Aim of the task: Please transcribe exactly, and only, the lines of the data below between the line holding "#180=IFCINDEXEDPOLYGONALFACE((1,5,7,3));" and the line holding "#183=IFCINDEXEDPOLYGONALFACE((5,6,8,7));", inclusive.

---------- Source information ----------

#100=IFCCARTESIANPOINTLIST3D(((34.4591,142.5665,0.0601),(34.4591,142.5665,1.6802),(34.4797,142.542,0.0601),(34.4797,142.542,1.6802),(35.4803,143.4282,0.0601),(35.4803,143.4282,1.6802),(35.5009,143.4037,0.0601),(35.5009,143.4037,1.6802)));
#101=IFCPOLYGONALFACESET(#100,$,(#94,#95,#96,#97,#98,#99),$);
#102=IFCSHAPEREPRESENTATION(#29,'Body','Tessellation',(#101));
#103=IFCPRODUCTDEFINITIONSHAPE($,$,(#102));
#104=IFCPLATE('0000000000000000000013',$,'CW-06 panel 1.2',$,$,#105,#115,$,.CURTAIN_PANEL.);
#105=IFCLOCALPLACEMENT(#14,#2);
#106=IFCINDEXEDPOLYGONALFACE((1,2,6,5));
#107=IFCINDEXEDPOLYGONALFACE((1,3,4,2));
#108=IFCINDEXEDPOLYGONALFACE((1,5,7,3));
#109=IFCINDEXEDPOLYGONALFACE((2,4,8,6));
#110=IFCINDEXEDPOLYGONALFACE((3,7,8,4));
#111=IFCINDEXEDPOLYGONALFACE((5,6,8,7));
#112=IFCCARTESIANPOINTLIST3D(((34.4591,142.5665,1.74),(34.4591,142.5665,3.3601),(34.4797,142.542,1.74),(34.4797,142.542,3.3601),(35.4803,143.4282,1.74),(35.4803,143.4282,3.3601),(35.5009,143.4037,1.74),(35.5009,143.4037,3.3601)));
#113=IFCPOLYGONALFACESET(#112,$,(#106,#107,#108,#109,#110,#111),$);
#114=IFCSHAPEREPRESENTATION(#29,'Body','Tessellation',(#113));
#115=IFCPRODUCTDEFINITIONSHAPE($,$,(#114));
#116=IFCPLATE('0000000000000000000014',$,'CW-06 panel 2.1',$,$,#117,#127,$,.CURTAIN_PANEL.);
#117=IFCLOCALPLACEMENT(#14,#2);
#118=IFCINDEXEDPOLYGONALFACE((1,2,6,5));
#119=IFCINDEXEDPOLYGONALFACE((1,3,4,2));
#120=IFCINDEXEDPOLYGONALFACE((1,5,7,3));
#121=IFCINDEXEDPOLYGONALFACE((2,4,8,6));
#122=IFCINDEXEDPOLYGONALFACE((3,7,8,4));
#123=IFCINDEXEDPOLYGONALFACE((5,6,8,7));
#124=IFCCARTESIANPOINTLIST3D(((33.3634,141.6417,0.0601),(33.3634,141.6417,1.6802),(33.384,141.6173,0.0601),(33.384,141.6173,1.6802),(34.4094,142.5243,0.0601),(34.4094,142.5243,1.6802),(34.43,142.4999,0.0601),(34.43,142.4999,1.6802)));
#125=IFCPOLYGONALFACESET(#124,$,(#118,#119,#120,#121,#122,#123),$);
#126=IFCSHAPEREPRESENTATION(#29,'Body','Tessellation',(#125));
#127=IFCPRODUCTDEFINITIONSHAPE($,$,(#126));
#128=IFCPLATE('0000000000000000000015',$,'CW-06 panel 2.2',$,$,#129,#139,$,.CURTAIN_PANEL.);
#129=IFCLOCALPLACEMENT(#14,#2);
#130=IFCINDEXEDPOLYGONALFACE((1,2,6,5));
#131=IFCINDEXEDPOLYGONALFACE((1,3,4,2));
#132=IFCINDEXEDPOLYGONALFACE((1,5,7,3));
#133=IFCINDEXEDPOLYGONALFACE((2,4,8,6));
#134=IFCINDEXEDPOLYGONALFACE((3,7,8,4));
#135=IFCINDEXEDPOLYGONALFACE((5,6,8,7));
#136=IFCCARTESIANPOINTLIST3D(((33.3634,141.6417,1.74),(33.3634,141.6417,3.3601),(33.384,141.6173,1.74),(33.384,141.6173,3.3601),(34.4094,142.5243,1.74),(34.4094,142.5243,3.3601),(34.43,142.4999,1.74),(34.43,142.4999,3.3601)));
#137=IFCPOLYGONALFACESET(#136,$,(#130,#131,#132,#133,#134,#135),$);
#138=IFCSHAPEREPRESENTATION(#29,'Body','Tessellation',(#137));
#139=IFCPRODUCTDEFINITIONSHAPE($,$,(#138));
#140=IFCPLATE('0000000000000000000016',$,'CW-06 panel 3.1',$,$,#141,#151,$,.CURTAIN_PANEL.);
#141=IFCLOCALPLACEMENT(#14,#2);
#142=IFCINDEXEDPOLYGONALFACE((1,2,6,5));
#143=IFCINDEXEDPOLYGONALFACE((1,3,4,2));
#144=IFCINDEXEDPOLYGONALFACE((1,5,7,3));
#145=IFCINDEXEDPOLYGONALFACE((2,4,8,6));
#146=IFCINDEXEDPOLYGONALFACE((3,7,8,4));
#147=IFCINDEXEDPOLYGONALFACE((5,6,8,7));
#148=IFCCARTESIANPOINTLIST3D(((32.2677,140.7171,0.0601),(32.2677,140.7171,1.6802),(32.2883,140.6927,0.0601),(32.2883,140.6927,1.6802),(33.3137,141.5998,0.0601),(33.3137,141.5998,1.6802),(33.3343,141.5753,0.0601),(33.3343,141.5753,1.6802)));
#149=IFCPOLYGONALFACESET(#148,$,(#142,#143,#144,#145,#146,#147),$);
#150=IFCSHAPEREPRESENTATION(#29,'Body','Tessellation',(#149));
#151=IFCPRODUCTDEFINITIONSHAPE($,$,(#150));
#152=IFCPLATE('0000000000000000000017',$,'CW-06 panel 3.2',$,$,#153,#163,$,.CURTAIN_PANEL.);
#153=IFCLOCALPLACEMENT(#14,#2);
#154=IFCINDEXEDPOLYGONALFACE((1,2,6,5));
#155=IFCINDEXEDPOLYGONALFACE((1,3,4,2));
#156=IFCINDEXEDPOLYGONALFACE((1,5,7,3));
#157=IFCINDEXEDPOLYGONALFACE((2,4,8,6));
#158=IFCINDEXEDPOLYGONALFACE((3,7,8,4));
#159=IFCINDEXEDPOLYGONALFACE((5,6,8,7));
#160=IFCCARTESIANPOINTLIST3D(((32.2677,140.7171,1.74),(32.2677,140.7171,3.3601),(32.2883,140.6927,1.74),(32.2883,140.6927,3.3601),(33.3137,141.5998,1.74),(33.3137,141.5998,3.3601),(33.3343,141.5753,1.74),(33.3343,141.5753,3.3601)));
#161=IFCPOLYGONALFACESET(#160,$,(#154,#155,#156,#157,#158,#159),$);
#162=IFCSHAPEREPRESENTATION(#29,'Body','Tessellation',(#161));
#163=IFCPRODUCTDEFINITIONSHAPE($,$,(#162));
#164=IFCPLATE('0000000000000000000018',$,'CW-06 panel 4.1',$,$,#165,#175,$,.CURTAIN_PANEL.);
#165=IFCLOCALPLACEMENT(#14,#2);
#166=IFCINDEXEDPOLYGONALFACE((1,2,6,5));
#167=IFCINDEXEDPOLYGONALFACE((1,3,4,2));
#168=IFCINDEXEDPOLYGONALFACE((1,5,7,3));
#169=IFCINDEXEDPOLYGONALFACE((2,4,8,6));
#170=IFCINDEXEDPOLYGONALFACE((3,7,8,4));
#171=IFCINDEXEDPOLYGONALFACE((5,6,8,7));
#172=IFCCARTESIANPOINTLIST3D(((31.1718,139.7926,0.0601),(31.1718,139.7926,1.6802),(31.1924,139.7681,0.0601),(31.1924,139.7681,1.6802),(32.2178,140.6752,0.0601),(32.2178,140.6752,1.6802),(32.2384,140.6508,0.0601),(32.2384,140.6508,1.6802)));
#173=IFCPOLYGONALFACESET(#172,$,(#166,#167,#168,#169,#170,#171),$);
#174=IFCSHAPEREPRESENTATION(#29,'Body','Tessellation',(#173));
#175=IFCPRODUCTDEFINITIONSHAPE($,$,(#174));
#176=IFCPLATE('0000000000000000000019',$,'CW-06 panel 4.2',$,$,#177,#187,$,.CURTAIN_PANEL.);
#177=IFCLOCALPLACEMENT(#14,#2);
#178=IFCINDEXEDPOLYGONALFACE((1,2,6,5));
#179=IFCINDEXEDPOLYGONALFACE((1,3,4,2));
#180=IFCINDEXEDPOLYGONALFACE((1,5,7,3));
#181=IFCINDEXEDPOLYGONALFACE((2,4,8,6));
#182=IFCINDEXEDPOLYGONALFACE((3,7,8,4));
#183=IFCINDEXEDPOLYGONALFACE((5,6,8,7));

----------
---------- Source information ----------

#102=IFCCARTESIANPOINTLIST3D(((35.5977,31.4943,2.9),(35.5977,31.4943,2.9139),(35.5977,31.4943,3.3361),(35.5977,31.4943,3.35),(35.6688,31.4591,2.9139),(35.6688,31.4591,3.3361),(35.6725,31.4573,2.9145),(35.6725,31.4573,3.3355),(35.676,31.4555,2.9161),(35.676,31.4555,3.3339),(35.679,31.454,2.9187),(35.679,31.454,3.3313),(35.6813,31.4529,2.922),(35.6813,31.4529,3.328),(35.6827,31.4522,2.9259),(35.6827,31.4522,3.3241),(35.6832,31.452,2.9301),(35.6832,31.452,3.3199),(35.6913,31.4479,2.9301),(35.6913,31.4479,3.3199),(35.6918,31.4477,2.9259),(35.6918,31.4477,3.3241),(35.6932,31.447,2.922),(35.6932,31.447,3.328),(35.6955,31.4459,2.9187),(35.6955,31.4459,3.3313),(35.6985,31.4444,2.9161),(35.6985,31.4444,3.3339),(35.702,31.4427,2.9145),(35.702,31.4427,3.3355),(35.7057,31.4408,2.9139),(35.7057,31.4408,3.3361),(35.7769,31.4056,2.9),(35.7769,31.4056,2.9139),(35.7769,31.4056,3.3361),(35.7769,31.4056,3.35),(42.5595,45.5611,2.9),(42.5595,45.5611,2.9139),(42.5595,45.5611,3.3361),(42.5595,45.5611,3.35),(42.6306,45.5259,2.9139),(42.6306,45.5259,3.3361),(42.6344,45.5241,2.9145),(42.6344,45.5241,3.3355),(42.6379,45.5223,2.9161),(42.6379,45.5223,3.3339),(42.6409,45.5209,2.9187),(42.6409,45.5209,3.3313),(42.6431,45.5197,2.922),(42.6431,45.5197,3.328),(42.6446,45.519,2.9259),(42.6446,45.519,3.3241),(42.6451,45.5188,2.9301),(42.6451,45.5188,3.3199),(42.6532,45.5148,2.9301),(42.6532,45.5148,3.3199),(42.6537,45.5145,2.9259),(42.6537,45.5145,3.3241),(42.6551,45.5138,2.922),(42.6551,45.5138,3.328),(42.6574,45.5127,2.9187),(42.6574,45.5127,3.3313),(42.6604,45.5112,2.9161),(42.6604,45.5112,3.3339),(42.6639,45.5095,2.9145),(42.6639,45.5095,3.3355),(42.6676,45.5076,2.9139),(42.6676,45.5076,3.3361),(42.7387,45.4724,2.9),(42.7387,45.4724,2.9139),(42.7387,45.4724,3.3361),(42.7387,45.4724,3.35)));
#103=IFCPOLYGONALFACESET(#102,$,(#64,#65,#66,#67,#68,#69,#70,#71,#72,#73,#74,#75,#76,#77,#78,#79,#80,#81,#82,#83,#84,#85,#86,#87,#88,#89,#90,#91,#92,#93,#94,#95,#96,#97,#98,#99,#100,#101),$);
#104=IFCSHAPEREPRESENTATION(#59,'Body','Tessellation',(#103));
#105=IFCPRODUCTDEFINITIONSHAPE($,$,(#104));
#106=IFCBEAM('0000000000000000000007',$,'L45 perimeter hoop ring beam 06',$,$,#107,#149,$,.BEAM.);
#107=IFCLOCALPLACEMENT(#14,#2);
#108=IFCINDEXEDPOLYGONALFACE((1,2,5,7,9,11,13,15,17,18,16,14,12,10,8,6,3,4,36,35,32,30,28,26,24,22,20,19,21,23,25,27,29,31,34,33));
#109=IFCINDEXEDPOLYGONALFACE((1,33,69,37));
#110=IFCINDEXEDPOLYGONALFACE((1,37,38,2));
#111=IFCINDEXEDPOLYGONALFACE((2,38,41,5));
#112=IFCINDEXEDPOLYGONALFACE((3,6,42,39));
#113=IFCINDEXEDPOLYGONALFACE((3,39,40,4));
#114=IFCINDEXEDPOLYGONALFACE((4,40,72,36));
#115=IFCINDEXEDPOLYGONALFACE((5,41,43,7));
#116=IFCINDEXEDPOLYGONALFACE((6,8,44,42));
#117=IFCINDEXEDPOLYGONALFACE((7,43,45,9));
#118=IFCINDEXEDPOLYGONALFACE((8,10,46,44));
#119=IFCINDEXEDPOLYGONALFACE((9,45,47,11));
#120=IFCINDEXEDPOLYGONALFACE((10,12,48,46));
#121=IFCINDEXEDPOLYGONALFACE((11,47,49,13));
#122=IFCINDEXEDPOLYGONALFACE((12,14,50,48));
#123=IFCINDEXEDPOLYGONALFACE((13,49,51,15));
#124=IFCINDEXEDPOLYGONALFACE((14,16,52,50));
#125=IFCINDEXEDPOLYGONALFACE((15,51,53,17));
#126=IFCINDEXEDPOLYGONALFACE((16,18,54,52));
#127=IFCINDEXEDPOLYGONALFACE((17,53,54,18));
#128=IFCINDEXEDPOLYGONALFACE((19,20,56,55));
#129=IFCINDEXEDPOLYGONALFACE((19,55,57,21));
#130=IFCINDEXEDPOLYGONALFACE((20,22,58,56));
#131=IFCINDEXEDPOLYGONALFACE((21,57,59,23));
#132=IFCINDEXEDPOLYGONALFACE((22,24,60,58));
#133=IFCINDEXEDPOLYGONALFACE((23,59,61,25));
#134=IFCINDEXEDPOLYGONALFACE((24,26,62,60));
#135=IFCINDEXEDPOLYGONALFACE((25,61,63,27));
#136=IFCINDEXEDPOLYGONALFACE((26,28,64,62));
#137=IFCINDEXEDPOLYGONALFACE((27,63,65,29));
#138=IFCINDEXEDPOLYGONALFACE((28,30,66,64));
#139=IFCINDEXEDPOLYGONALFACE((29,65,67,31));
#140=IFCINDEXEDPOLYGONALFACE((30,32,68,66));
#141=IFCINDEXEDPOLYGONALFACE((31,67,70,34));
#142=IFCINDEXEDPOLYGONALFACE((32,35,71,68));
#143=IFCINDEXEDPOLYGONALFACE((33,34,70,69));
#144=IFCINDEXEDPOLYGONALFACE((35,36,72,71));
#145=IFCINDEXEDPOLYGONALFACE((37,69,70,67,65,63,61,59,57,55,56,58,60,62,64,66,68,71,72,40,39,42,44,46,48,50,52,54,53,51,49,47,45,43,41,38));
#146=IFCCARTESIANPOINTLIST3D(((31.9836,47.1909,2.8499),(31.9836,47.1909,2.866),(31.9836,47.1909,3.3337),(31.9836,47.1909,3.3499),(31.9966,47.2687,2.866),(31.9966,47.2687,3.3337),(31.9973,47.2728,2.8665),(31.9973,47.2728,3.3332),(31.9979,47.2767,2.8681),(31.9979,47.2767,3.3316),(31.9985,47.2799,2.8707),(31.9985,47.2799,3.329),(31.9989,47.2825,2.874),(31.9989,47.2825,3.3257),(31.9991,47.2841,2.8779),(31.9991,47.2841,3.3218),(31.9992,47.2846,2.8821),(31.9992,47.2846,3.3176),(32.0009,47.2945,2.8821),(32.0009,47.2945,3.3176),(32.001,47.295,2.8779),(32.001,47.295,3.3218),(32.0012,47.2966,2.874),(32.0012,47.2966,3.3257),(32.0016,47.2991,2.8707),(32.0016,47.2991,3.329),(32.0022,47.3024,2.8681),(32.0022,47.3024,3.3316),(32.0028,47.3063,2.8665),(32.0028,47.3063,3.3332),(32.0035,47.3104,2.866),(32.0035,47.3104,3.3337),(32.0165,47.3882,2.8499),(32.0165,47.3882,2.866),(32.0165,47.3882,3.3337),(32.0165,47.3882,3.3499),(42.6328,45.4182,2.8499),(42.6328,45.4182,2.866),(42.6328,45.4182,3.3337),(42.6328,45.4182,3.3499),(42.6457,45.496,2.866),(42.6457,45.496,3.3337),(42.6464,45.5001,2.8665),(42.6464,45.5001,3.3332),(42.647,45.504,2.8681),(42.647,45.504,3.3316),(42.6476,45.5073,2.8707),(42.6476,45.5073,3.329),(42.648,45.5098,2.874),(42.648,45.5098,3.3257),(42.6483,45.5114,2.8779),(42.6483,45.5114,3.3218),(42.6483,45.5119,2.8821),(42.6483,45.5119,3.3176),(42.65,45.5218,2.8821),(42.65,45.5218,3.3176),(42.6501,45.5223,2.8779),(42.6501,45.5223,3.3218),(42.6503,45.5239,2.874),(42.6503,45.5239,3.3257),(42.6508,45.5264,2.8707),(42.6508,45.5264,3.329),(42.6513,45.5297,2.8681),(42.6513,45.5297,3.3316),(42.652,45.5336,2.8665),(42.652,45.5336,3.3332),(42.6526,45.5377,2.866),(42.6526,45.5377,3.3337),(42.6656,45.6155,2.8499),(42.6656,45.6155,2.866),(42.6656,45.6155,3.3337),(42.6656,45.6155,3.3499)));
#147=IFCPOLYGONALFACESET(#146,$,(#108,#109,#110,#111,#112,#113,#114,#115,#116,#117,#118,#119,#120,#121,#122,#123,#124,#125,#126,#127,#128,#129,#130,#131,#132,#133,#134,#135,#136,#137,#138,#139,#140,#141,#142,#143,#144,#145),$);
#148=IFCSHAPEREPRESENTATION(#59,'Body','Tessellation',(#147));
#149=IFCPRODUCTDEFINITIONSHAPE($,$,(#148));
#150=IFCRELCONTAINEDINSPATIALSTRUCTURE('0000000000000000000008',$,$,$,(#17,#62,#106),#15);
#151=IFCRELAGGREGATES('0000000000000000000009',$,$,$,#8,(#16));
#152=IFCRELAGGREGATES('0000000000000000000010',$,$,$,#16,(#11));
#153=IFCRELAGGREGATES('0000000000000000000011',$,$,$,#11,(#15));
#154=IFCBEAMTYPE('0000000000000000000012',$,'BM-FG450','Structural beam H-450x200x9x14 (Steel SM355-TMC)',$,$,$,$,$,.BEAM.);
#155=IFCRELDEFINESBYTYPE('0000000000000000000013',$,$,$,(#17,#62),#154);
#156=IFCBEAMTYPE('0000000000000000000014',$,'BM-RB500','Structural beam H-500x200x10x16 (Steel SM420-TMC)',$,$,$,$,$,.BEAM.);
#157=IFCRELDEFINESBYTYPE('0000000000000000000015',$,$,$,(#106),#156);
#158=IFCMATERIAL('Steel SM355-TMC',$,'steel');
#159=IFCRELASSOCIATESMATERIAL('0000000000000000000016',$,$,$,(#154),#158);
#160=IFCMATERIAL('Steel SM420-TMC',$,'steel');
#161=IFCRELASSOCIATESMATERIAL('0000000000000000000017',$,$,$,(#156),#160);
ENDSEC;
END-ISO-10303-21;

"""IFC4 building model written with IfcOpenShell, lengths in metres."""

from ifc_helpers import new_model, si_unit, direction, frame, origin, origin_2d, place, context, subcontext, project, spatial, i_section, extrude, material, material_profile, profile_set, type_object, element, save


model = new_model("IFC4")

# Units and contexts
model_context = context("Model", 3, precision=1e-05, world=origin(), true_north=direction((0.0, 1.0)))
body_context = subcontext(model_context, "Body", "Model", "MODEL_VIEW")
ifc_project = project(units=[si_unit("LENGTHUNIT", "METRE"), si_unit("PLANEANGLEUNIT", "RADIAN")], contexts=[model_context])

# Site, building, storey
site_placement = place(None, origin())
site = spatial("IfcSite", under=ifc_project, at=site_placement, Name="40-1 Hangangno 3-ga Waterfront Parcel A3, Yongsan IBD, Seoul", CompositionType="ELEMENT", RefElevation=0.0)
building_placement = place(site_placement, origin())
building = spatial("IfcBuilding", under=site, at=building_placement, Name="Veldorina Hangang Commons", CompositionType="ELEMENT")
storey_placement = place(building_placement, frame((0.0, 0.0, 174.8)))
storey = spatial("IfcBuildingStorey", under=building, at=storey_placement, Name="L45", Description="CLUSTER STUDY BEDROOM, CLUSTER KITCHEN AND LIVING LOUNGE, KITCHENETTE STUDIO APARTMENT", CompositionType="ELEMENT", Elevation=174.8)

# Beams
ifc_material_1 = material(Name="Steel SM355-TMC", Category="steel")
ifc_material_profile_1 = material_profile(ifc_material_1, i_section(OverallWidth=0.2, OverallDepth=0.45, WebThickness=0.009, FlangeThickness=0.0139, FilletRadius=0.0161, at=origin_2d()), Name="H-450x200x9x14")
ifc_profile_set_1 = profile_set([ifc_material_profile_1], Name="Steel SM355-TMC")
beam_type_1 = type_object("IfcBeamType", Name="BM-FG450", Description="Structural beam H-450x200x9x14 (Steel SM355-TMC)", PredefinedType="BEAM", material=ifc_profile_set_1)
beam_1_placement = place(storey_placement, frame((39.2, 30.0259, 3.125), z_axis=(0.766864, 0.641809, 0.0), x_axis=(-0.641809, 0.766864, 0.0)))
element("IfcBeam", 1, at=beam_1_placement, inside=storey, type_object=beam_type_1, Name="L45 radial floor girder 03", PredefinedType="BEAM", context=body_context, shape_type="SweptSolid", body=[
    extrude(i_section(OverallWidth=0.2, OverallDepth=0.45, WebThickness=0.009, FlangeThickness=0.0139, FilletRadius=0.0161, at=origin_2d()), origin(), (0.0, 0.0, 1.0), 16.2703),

----------

Response below:
#180=IFCINDEXEDPOLYGONALFACE((1,5,7,3));
#181=IFCINDEXEDPOLYGONALFACE((2,4,8,6));
#182=IFCINDEXEDPOLYGONALFACE((3,7,8,4));
#183=IFCINDEXEDPOLYGONALFACE((5,6,8,7));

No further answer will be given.